Give back an exact copy of the lines from the start of the material through the line bearing "Square Site, Addis". Include both ends and nothing else.

╭─ Information

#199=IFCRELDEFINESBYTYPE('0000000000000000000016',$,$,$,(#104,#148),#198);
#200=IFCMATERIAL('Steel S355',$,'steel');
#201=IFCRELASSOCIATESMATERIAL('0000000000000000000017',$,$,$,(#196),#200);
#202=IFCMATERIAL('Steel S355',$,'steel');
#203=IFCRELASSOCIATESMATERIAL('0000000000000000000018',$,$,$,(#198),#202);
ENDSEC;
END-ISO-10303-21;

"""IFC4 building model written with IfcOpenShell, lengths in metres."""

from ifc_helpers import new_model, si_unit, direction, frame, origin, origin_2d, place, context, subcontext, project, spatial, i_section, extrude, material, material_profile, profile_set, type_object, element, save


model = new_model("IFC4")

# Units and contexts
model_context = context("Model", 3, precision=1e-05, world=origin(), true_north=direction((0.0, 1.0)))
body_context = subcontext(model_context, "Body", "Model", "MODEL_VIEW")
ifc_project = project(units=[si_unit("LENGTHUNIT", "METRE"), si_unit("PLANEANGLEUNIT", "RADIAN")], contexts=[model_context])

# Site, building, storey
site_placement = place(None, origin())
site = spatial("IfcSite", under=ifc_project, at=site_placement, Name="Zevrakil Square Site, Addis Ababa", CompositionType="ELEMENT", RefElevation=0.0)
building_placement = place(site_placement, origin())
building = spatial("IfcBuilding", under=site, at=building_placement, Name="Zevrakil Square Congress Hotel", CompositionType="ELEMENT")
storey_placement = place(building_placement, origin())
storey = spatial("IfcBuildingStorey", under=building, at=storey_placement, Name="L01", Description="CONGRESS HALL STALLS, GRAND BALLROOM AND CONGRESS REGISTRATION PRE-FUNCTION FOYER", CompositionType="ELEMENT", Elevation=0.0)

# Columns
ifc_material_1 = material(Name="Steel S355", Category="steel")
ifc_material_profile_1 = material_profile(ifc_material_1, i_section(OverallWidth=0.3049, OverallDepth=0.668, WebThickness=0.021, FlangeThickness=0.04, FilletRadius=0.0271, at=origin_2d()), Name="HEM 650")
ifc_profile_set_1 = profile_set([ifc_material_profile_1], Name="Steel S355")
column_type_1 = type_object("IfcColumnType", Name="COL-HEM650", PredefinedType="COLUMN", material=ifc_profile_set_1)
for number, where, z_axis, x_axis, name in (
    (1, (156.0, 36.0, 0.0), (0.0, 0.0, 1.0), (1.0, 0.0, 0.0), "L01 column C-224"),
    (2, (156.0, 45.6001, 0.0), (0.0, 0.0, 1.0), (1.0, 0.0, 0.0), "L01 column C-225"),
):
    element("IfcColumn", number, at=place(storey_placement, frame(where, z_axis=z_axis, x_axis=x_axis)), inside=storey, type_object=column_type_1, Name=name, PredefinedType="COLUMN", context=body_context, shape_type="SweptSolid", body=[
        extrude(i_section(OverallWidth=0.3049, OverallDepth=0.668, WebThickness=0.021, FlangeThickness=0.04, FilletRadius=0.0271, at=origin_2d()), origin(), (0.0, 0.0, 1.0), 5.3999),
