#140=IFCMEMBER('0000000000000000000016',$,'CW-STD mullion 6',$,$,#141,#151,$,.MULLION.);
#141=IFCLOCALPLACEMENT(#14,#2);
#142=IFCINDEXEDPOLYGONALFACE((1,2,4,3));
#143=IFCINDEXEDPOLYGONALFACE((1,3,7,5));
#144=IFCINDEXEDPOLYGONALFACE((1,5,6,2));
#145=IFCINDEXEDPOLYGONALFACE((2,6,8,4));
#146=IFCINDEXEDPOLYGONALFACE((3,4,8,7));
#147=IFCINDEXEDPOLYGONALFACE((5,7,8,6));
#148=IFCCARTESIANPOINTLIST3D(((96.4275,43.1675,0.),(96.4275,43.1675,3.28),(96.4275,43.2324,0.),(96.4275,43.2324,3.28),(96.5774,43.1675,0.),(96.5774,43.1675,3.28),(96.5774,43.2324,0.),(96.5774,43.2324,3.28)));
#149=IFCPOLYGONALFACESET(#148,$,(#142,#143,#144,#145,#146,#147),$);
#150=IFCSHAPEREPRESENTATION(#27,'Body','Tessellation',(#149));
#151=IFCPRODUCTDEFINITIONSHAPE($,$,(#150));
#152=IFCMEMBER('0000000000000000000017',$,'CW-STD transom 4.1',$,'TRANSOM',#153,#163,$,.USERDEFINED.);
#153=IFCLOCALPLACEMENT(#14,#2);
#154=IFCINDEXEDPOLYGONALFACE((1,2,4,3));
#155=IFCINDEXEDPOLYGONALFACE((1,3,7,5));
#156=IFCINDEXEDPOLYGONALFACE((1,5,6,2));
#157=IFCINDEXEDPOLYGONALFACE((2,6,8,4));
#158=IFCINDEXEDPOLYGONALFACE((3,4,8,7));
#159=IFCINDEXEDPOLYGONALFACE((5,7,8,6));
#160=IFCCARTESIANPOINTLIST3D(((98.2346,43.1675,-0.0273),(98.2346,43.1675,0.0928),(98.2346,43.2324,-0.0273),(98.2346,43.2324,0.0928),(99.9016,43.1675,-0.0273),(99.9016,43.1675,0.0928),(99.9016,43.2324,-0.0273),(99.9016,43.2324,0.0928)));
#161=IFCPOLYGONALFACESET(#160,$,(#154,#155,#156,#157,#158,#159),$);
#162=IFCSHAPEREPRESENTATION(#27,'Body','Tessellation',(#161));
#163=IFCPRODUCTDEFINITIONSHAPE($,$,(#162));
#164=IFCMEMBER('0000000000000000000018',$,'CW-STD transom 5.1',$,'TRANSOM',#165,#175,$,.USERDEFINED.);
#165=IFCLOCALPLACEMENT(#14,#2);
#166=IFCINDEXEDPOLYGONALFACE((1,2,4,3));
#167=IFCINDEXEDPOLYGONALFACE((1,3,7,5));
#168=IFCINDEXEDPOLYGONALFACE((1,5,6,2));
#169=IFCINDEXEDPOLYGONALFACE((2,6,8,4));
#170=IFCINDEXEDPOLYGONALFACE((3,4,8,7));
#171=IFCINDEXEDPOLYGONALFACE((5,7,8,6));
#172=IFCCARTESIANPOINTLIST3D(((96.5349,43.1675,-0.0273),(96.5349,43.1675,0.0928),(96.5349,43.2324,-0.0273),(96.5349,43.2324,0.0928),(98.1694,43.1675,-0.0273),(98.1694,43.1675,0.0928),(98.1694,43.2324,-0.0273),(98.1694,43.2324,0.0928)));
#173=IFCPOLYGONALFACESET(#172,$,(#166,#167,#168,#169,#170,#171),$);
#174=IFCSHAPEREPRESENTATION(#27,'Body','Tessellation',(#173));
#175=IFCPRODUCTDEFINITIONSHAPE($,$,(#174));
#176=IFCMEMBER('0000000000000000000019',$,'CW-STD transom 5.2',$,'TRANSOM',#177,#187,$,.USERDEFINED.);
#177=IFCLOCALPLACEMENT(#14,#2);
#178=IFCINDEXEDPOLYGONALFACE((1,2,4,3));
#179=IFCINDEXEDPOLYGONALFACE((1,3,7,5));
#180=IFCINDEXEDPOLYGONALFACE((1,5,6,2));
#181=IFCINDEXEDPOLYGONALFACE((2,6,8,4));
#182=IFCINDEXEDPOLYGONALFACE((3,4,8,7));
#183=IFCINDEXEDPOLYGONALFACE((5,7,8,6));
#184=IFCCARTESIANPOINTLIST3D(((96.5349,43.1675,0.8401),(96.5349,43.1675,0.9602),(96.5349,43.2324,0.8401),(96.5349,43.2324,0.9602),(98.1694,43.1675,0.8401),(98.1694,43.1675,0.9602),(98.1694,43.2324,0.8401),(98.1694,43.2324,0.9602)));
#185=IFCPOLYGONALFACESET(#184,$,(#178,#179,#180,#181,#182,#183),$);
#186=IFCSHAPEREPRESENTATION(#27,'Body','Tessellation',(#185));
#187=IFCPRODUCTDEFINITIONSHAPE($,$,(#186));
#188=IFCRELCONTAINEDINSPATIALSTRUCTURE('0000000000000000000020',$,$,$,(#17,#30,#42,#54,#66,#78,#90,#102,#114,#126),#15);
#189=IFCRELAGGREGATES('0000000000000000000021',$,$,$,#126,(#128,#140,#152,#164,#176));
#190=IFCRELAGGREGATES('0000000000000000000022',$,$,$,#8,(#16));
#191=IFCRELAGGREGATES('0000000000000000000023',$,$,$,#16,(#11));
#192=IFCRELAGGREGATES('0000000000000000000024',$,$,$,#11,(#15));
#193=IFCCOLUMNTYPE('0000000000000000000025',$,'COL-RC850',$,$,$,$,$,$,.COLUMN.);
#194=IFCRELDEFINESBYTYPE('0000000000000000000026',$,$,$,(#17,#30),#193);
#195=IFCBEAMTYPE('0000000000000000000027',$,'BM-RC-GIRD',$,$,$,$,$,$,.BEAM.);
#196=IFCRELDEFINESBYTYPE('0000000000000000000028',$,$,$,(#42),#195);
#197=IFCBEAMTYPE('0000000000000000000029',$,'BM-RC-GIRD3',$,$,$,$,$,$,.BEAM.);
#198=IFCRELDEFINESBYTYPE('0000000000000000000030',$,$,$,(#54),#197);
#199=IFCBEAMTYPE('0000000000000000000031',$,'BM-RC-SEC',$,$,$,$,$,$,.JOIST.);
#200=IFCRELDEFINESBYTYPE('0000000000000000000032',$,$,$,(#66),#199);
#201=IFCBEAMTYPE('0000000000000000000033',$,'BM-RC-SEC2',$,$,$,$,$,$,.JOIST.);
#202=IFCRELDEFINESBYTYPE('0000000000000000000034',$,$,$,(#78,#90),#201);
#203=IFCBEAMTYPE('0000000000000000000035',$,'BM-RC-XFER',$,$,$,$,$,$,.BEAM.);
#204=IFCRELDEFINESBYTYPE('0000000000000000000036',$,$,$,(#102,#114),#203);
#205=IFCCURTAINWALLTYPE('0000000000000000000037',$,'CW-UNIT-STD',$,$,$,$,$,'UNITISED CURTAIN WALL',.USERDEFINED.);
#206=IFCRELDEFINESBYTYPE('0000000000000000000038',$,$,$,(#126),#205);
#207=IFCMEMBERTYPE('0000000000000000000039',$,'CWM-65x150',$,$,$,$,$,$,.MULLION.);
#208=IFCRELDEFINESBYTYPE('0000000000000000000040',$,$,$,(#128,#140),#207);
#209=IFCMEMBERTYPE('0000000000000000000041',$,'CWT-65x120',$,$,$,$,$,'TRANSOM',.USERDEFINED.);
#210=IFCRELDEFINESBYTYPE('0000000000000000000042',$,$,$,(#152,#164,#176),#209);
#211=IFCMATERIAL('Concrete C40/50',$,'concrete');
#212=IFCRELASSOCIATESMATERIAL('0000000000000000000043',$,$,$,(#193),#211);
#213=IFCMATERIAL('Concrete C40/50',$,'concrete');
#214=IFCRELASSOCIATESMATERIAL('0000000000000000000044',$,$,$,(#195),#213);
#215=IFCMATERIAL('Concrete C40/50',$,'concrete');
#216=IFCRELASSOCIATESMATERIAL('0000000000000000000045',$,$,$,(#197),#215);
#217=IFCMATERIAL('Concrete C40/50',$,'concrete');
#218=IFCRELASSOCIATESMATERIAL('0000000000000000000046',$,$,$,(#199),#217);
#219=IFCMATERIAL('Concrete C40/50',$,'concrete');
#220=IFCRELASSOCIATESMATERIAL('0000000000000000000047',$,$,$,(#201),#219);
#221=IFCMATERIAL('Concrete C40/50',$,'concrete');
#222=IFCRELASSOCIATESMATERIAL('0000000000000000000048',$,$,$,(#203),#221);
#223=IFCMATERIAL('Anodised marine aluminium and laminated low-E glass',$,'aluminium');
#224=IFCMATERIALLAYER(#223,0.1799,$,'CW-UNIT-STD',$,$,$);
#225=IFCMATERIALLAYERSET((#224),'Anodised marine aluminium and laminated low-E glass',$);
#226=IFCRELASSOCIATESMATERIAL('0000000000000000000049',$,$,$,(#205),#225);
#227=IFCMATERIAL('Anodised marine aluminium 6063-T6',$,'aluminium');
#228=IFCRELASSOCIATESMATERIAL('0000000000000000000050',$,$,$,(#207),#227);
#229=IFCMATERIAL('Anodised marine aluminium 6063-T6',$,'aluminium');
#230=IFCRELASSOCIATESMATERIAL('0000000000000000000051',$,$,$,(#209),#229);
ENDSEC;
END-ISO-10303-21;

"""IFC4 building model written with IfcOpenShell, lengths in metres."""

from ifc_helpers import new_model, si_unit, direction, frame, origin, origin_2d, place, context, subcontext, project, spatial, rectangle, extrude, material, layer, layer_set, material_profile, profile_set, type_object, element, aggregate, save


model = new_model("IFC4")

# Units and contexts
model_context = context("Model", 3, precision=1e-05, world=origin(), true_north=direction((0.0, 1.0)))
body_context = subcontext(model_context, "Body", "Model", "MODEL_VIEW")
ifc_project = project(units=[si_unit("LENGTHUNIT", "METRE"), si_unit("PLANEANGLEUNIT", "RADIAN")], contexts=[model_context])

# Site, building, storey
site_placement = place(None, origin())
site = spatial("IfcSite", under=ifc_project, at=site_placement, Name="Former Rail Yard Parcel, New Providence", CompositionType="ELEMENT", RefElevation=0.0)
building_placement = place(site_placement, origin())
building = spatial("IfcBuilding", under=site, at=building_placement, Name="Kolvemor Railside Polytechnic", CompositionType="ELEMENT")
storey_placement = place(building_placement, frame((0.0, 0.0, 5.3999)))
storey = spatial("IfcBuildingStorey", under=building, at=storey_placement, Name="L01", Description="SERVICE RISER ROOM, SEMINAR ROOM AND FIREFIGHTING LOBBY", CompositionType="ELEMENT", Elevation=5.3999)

╰─

- **Solution below**:
#199=IFCRELDEFINESBYTYPE('0000000000000000000016',$,$,$,(#104,#148),#198);
#200=IFCMATERIAL('Steel S355',$,'steel');
#201=IFCRELASSOCIATESMATERIAL('0000000000000000000017',$,$,$,(#196),#200);
#202=IFCMATERIAL('Steel S355',$,'steel');
#203=IFCRELASSOCIATESMATERIAL('0000000000000000000018',$,$,$,(#198),#202);
ENDSEC;
END-ISO-10303-21;

"""IFC4 building model written with IfcOpenShell, lengths in metres."""

from ifc_helpers import new_model, si_unit, direction, frame, origin, origin_2d, place, context, subcontext, project, spatial, i_section, extrude, material, material_profile, profile_set, type_object, element, save


model = new_model("IFC4")

# Units and contexts
model_context = context("Model", 3, precision=1e-05, world=origin(), true_north=direction((0.0, 1.0)))
body_context = subcontext(model_context, "Body", "Model", "MODEL_VIEW")
ifc_project = project(units=[si_unit("LENGTHUNIT", "METRE"), si_unit("PLANEANGLEUNIT", "RADIAN")], contexts=[model_context])

# Site, building, storey
site_placement = place(None, origin())
site = spatial("IfcSite", under=ifc_project, at=site_placement, Name="Zevrakil Square Site, Addis Ababa", CompositionType="ELEMENT", RefElevation=0.0)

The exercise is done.